(Stored data entries)
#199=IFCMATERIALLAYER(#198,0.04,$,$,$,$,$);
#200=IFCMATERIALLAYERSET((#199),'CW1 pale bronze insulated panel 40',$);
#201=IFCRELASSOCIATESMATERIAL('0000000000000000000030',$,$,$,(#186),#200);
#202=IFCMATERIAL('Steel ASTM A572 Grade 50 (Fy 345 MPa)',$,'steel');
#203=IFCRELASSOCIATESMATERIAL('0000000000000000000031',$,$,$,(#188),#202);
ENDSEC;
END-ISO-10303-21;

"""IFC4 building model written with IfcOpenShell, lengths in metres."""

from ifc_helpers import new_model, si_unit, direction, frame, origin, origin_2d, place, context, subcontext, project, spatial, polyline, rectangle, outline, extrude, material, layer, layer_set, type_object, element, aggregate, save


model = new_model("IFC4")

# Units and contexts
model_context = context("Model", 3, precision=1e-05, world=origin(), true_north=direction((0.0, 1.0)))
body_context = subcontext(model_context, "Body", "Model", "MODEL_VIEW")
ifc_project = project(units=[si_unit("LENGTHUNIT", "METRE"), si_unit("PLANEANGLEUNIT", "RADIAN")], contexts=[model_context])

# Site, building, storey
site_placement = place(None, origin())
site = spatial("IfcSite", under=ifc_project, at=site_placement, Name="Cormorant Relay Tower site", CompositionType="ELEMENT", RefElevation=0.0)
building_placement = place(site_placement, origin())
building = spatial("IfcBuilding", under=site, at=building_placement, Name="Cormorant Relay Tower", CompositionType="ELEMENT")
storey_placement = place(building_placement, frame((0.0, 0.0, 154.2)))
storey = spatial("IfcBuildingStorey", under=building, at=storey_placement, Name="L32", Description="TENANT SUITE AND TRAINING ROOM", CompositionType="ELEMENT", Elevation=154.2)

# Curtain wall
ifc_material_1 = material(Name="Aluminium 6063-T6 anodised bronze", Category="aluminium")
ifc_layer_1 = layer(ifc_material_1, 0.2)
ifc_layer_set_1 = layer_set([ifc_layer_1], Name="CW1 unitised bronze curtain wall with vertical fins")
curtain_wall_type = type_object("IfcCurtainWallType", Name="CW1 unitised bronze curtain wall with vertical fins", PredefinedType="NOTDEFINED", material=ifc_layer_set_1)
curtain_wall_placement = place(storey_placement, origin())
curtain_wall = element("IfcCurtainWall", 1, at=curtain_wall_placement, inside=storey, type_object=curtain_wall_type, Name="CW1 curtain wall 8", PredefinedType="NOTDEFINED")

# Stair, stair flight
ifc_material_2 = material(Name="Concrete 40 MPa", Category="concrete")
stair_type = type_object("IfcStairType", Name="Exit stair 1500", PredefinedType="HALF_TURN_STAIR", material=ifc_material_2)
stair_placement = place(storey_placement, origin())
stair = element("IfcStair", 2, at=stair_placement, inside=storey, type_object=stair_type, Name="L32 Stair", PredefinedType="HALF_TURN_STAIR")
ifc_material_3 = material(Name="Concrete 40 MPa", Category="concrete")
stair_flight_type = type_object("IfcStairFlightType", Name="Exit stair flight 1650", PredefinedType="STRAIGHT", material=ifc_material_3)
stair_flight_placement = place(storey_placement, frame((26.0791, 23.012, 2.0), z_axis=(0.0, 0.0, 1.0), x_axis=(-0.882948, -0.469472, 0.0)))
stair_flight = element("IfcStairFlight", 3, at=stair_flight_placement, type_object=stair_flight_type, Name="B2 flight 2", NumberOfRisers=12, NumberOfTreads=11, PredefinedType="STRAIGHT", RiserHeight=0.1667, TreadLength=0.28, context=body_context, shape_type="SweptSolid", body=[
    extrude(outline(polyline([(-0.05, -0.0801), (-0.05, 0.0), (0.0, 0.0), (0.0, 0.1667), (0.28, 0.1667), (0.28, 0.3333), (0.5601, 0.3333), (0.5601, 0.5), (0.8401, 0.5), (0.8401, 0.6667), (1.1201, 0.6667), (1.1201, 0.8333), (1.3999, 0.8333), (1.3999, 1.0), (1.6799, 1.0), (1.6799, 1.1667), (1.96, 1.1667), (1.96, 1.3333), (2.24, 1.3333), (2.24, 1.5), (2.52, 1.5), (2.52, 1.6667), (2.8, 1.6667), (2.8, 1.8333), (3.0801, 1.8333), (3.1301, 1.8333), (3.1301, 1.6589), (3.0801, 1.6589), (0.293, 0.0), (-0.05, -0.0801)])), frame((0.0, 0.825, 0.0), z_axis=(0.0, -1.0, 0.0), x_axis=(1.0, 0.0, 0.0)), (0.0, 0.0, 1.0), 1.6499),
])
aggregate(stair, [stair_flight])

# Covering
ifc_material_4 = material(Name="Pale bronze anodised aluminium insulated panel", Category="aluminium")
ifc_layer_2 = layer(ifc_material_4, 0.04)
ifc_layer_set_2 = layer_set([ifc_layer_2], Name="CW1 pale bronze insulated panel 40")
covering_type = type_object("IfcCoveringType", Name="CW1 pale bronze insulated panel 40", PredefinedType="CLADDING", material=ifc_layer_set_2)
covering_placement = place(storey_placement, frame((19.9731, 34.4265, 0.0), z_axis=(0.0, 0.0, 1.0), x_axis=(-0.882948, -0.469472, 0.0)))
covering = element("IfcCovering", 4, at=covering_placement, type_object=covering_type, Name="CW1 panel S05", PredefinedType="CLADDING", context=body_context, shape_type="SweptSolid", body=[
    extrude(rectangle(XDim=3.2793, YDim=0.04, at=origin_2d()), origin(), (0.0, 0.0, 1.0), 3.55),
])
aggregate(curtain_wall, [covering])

▶ EXERCISE:
All entries must be repeated exactly.

▶ OUTPUT BELOW:
#199=IFCMATERIALLAYER(#198,0.04,$,$,$,$,$);
#200=IFCMATERIALLAYERSET((#199),'CW1 pale bronze insulated panel 40',$);
#201=IFCRELASSOCIATESMATERIAL('0000000000000000000030',$,$,$,(#186),#200);
#202=IFCMATERIAL('Steel ASTM A572 Grade 50 (Fy 345 MPa)',$,'steel');
#203=IFCRELASSOCIATESMATERIAL('0000000000000000000031',$,$,$,(#188),#202);
ENDSEC;
END-ISO-10303-21;

"""IFC4 building model written with IfcOpenShell, lengths in metres."""

from ifc_helpers import new_model, si_unit, direction, frame, origin, origin_2d, place, context, subcontext, project, spatial, polyline, rectangle, outline, extrude, material, layer, layer_set, type_object, element, aggregate, save


model = new_model("IFC4")

# Units and contexts
model_context = context("Model", 3, precision=1e-05, world=origin(), true_north=direction((0.0, 1.0)))
body_context = subcontext(model_context, "Body", "Model", "MODEL_VIEW")
ifc_project = project(units=[si_unit("LENGTHUNIT", "METRE"), si_unit("PLANEANGLEUNIT", "RADIAN")], contexts=[model_context])

# Site, building, storey
site_placement = place(None, origin())
site = spatial("IfcSite", under=ifc_project, at=site_placement, Name="Cormorant Relay Tower site", CompositionType="ELEMENT", RefElevation=0.0)
building_placement = place(site_placement, origin())
building = spatial("IfcBuilding", under=site, at=building_placement, Name="Cormorant Relay Tower", CompositionType="ELEMENT")
storey_placement = place(building_placement, frame((0.0, 0.0, 154.2)))
storey = spatial("IfcBuildingStorey", under=building, at=storey_placement, Name="L32", Description="TENANT SUITE AND TRAINING ROOM", CompositionType="ELEMENT", Elevation=154.2)

# Curtain wall
ifc_material_1 = material(Name="Aluminium 6063-T6 anodised bronze", Category="aluminium")
ifc_layer_1 = layer(ifc_material_1, 0.2)
ifc_layer_set_1 = layer_set([ifc_layer_1], Name="CW1 unitised bronze curtain wall with vertical fins")
curtain_wall_type = type_object("IfcCurtainWallType", Name="CW1 unitised bronze curtain wall with vertical fins", PredefinedType="NOTDEFINED", material=ifc_layer_set_1)
curtain_wall_placement = place(storey_placement, origin())
curtain_wall = element("IfcCurtainWall", 1, at=curtain_wall_placement, inside=storey, type_object=curtain_wall_type, Name="CW1 curtain wall 8", PredefinedType="NOTDEFINED")

# Stair, stair flight
ifc_material_2 = material(Name="Concrete 40 MPa", Category="concrete")
stair_type = type_object("IfcStairType", Name="Exit stair 1500", PredefinedType="HALF_TURN_STAIR", material=ifc_material_2)
stair_placement = place(storey_placement, origin())
stair = element("IfcStair", 2, at=stair_placement, inside=storey, type_object=stair_type, Name="L32 Stair", PredefinedType="HALF_TURN_STAIR")
ifc_material_3 = material(Name="Concrete 40 MPa", Category="concrete")
stair_flight_type = type_object("IfcStairFlightType", Name="Exit stair flight 1650", PredefinedType="STRAIGHT", material=ifc_material_3)
stair_flight_placement = place(storey_placement, frame((26.0791, 23.012, 2.0), z_axis=(0.0, 0.0, 1.0), x_axis=(-0.882948, -0.469472, 0.0)))
stair_flight = element("IfcStairFlight", 3, at=stair_flight_placement, type_object=stair_flight_type, Name="B2 flight 2", NumberOfRisers=12, NumberOfTreads=11, PredefinedType="STRAIGHT", RiserHeight=0.1667, TreadLength=0.28, context=body_context, shape_type="SweptSolid", body=[
    extrude(outline(polyline([(-0.05, -0.0801), (-0.05, 0.0), (0.0, 0.0), (0.0, 0.1667), (0.28, 0.1667), (0.28, 0.3333), (0.5601, 0.3333), (0.5601, 0.5), (0.8401, 0.5), (0.8401, 0.6667), (1.1201, 0.6667), (1.1201, 0.8333), (1.3999, 0.8333), (1.3999, 1.0), (1.6799, 1.0), (1.6799, 1.1667), (1.96, 1.1667), (1.96, 1.3333), (2.24, 1.3333), (2.24, 1.5), (2.52, 1.5), (2.52, 1.6667), (2.8, 1.6667), (2.8, 1.8333), (3.0801, 1.8333), (3.1301, 1.8333), (3.1301, 1.6589), (3.0801, 1.6589), (0.293, 0.0), (-0.05, -0.0801)])), frame((0.0, 0.825, 0.0), z_axis=(0.0, -1.0, 0.0), x_axis=(1.0, 0.0, 0.0)), (0.0, 0.0, 1.0), 1.6499),
])
aggregate(stair, [stair_flight])

# Covering
ifc_material_4 = material(Name="Pale bronze anodised aluminium insulated panel", Category="aluminium")
ifc_layer_2 = layer(ifc_material_4, 0.04)
ifc_layer_set_2 = layer_set([ifc_layer_2], Name="CW1 pale bronze insulated panel 40")
covering_type = type_object("IfcCoveringType", Name="CW1 pale bronze insulated panel 40", PredefinedType="CLADDING", material=ifc_layer_set_2)
covering_placement = place(storey_placement, frame((19.9731, 34.4265, 0.0), z_axis=(0.0, 0.0, 1.0), x_axis=(-0.882948, -0.469472, 0.0)))
covering = element("IfcCovering", 4, at=covering_placement, type_object=covering_type, Name="CW1 panel S05", PredefinedType="CLADDING", context=body_context, shape_type="SweptSolid", body=[
    extrude(rectangle(XDim=3.2793, YDim=0.04, at=origin_2d()), origin(), (0.0, 0.0, 1.0), 3.55),
])
aggregate(curtain_wall, [covering])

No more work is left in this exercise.